**Exercise requirements:** Every line of the data below needs to be reproduced exactly.

**Collected data entries:**

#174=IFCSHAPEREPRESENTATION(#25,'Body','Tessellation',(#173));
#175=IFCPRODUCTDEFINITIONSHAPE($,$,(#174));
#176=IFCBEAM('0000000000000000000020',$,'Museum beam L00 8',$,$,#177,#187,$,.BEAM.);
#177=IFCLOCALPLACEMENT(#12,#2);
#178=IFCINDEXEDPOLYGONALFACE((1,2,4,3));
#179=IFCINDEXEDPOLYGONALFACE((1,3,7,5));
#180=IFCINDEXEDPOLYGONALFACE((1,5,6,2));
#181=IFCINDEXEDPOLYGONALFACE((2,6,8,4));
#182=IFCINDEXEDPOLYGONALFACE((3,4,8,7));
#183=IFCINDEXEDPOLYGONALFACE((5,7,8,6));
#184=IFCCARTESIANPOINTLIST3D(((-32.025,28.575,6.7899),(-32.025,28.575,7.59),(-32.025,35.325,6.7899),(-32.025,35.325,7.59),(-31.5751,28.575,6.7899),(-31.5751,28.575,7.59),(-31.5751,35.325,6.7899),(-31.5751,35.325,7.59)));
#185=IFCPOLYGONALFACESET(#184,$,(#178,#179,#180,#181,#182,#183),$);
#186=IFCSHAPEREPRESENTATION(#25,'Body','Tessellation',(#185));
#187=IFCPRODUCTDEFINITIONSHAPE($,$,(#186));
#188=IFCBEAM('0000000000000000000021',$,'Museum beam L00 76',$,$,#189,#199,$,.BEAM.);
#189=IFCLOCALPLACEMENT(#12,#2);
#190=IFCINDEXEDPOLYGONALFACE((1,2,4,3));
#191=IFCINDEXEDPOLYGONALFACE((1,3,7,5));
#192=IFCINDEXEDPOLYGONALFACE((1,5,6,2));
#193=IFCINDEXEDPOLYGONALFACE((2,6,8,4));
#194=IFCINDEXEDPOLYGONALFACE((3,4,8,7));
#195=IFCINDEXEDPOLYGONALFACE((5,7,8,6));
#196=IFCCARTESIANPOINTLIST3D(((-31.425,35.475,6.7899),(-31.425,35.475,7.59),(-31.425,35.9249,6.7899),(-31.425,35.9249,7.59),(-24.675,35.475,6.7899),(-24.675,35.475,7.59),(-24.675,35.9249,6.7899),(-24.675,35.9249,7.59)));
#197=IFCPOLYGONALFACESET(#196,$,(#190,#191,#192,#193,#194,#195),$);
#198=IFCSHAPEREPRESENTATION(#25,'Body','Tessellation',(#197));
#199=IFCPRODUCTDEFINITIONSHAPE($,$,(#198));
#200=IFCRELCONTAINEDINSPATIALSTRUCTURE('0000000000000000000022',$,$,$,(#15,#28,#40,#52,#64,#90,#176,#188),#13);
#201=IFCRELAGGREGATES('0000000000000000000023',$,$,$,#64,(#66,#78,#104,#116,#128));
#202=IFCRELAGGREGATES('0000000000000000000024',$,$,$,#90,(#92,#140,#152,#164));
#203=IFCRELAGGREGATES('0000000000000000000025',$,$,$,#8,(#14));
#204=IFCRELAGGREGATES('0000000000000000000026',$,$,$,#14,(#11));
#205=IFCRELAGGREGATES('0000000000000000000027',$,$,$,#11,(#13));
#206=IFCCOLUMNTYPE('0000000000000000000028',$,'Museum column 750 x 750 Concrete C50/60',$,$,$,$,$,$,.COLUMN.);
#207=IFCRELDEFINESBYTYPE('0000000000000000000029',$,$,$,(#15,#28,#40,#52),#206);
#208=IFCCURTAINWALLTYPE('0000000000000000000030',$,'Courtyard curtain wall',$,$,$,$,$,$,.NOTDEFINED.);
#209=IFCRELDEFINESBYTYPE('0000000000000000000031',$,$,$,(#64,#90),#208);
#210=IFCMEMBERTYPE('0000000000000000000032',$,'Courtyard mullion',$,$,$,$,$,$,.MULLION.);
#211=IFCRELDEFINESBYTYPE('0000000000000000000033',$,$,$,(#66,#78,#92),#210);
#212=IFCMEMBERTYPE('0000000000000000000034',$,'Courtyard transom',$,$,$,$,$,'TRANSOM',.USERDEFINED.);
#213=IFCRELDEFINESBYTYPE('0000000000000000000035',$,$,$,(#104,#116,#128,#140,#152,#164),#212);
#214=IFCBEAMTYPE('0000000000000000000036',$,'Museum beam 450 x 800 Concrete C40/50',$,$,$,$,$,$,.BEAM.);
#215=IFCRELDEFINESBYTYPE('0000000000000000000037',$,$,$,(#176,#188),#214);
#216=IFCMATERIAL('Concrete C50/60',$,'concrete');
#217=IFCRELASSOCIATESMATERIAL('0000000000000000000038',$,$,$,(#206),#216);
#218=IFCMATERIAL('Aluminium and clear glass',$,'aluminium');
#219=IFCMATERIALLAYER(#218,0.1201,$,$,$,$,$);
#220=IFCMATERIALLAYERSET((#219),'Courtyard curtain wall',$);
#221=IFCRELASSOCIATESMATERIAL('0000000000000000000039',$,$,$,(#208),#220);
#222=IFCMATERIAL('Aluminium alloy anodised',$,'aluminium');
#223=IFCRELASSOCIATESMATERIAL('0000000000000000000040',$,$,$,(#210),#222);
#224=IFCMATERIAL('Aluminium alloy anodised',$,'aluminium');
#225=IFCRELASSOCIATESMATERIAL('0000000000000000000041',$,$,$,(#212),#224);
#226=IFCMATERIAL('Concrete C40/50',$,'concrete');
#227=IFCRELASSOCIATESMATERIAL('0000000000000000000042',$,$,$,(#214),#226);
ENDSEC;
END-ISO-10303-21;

**Solution to the exercise:**
#174=IFCSHAPEREPRESENTATION(#25,'Body','Tessellation',(#173));
#175=IFCPRODUCTDEFINITIONSHAPE($,$,(#174));
#176=IFCBEAM('0000000000000000000020',$,'Museum beam L00 8',$,$,#177,#187,$,.BEAM.);
#177=IFCLOCALPLACEMENT(#12,#2);
#178=IFCINDEXEDPOLYGONALFACE((1,2,4,3));
#179=IFCINDEXEDPOLYGONALFACE((1,3,7,5));
#180=IFCINDEXEDPOLYGONALFACE((1,5,6,2));
#181=IFCINDEXEDPOLYGONALFACE((2,6,8,4));
#182=IFCINDEXEDPOLYGONALFACE((3,4,8,7));
#183=IFCINDEXEDPOLYGONALFACE((5,7,8,6));
#184=IFCCARTESIANPOINTLIST3D(((-32.025,28.575,6.7899),(-32.025,28.575,7.59),(-32.025,35.325,6.7899),(-32.025,35.325,7.59),(-31.5751,28.575,6.7899),(-31.5751,28.575,7.59),(-31.5751,35.325,6.7899),(-31.5751,35.325,7.59)));
#185=IFCPOLYGONALFACESET(#184,$,(#178,#179,#180,#181,#182,#183),$);
#186=IFCSHAPEREPRESENTATION(#25,'Body','Tessellation',(#185));
#187=IFCPRODUCTDEFINITIONSHAPE($,$,(#186));
#188=IFCBEAM('0000000000000000000021',$,'Museum beam L00 76',$,$,#189,#199,$,.BEAM.);
#189=IFCLOCALPLACEMENT(#12,#2);
#190=IFCINDEXEDPOLYGONALFACE((1,2,4,3));
#191=IFCINDEXEDPOLYGONALFACE((1,3,7,5));
#192=IFCINDEXEDPOLYGONALFACE((1,5,6,2));
#193=IFCINDEXEDPOLYGONALFACE((2,6,8,4));
#194=IFCINDEXEDPOLYGONALFACE((3,4,8,7));
#195=IFCINDEXEDPOLYGONALFACE((5,7,8,6));
#196=IFCCARTESIANPOINTLIST3D(((-31.425,35.475,6.7899),(-31.425,35.475,7.59),(-31.425,35.9249,6.7899),(-31.425,35.9249,7.59),(-24.675,35.475,6.7899),(-24.675,35.475,7.59),(-24.675,35.9249,6.7899),(-24.675,35.9249,7.59)));
#197=IFCPOLYGONALFACESET(#196,$,(#190,#191,#192,#193,#194,#195),$);
#198=IFCSHAPEREPRESENTATION(#25,'Body','Tessellation',(#197));
#199=IFCPRODUCTDEFINITIONSHAPE($,$,(#198));
#200=IFCRELCONTAINEDINSPATIALSTRUCTURE('0000000000000000000022',$,$,$,(#15,#28,#40,#52,#64,#90,#176,#188),#13);
#201=IFCRELAGGREGATES('0000000000000000000023',$,$,$,#64,(#66,#78,#104,#116,#128));
#202=IFCRELAGGREGATES('0000000000000000000024',$,$,$,#90,(#92,#140,#152,#164));
#203=IFCRELAGGREGATES('0000000000000000000025',$,$,$,#8,(#14));
#204=IFCRELAGGREGATES('0000000000000000000026',$,$,$,#14,(#11));
#205=IFCRELAGGREGATES('0000000000000000000027',$,$,$,#11,(#13));
#206=IFCCOLUMNTYPE('0000000000000000000028',$,'Museum column 750 x 750 Concrete C50/60',$,$,$,$,$,$,.COLUMN.);
#207=IFCRELDEFINESBYTYPE('0000000000000000000029',$,$,$,(#15,#28,#40,#52),#206);
#208=IFCCURTAINWALLTYPE('0000000000000000000030',$,'Courtyard curtain wall',$,$,$,$,$,$,.NOTDEFINED.);
#209=IFCRELDEFINESBYTYPE('0000000000000000000031',$,$,$,(#64,#90),#208);
#210=IFCMEMBERTYPE('0000000000000000000032',$,'Courtyard mullion',$,$,$,$,$,$,.MULLION.);
#211=IFCRELDEFINESBYTYPE('0000000000000000000033',$,$,$,(#66,#78,#92),#210);
#212=IFCMEMBERTYPE('0000000000000000000034',$,'Courtyard transom',$,$,$,$,$,'TRANSOM',.USERDEFINED.);
#213=IFCRELDEFINESBYTYPE('0000000000000000000035',$,$,$,(#104,#116,#128,#140,#152,#164),#212);
#214=IFCBEAMTYPE('0000000000000000000036',$,'Museum beam 450 x 800 Concrete C40/50',$,$,$,$,$,$,.BEAM.);
#215=IFCRELDEFINESBYTYPE('0000000000000000000037',$,$,$,(#176,#188),#214);
#216=IFCMATERIAL('Concrete C50/60',$,'concrete');
#217=IFCRELASSOCIATESMATERIAL('0000000000000000000038',$,$,$,(#206),#216);
#218=IFCMATERIAL('Aluminium and clear glass',$,'aluminium');
#219=IFCMATERIALLAYER(#218,0.1201,$,$,$,$,$);
#220=IFCMATERIALLAYERSET((#219),'Courtyard curtain wall',$);
#221=IFCRELASSOCIATESMATERIAL('0000000000000000000039',$,$,$,(#208),#220);
#222=IFCMATERIAL('Aluminium alloy anodised',$,'aluminium');
#223=IFCRELASSOCIATESMATERIAL('0000000000000000000040',$,$,$,(#210),#222);
#224=IFCMATERIAL('Aluminium alloy anodised',$,'aluminium');
#225=IFCRELASSOCIATESMATERIAL('0000000000000000000041',$,$,$,(#212),#224);
#226=IFCMATERIAL('Concrete C40/50',$,'concrete');
#227=IFCRELASSOCIATESMATERIAL('0000000000000000000042',$,$,$,(#214),#226);
ENDSEC;
END-ISO-10303-21;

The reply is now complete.